TASK: Starting with the first line of the records, write out each line exactly until you have included the line containing "#149=IFCINDEXEDPOLYGONALFACE((5,7,8,6));".

INPUT MATERIAL:
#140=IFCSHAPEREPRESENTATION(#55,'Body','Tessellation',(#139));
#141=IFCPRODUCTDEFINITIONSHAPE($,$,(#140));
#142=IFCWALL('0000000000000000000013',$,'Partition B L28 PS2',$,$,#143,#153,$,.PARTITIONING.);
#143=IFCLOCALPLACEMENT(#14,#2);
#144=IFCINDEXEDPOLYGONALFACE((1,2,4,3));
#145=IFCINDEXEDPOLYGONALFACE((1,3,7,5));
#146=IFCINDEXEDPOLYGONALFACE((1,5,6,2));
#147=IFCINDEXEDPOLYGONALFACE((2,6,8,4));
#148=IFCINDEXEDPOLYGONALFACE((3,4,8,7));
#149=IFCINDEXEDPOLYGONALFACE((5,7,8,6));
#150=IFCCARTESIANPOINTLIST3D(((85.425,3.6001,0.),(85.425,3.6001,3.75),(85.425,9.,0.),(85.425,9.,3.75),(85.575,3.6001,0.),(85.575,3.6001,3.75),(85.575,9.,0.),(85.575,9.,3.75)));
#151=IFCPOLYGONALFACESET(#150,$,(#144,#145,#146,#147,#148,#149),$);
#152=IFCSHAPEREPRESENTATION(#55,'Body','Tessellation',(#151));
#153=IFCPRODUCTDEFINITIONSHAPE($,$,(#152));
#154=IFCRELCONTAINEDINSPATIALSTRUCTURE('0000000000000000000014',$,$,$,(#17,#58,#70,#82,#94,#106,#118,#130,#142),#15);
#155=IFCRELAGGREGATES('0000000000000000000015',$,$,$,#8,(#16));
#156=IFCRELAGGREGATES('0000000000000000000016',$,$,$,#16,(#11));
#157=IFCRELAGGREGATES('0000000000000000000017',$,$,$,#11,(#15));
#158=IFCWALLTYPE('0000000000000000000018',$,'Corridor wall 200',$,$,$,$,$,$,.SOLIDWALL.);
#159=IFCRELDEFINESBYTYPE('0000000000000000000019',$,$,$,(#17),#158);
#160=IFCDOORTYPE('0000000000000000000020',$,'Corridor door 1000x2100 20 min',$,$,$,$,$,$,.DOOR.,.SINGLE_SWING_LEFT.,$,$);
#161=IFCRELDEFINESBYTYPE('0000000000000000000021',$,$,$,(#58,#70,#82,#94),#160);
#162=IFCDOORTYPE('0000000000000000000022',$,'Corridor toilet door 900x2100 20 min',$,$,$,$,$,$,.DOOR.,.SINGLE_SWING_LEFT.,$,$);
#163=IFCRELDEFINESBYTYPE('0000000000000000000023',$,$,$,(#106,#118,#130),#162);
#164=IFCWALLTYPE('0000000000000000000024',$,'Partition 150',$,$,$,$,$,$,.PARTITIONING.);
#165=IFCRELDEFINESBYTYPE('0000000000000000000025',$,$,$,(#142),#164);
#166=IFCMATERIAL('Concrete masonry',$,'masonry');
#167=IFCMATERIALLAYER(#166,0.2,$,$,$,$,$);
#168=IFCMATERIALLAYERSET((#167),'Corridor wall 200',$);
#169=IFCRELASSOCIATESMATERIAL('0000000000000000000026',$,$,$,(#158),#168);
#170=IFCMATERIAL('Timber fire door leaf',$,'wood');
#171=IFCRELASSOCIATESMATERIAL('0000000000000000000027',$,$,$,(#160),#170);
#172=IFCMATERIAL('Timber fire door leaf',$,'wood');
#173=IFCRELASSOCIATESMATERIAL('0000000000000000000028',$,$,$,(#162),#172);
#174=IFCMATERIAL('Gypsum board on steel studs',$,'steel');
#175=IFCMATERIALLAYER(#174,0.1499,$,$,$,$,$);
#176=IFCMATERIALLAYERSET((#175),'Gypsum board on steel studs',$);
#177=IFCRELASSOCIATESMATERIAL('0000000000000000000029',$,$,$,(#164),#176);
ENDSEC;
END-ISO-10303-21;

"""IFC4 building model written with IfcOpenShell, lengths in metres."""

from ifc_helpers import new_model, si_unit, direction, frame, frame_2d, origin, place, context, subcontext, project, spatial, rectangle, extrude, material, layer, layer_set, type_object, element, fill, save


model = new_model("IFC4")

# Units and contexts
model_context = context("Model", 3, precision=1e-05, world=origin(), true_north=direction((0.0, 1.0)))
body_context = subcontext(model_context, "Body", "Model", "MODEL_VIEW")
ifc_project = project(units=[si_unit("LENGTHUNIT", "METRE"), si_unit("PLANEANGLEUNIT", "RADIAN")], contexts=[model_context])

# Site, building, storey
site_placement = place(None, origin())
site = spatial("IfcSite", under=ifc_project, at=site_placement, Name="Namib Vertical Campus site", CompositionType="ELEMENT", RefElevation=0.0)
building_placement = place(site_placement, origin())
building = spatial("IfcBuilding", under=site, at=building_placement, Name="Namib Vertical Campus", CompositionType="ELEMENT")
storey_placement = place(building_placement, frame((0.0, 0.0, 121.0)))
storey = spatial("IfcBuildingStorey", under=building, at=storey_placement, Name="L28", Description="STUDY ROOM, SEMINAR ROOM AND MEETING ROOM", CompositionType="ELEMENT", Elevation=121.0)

PROBLEM SOLUTION:
#140=IFCSHAPEREPRESENTATION(#55,'Body','Tessellation',(#139));
#141=IFCPRODUCTDEFINITIONSHAPE($,$,(#140));
#142=IFCWALL('0000000000000000000013',$,'Partition B L28 PS2',$,$,#143,#153,$,.PARTITIONING.);
#143=IFCLOCALPLACEMENT(#14,#2);
#144=IFCINDEXEDPOLYGONALFACE((1,2,4,3));
#145=IFCINDEXEDPOLYGONALFACE((1,3,7,5));
#146=IFCINDEXEDPOLYGONALFACE((1,5,6,2));
#147=IFCINDEXEDPOLYGONALFACE((2,6,8,4));
#148=IFCINDEXEDPOLYGONALFACE((3,4,8,7));
#149=IFCINDEXEDPOLYGONALFACE((5,7,8,6));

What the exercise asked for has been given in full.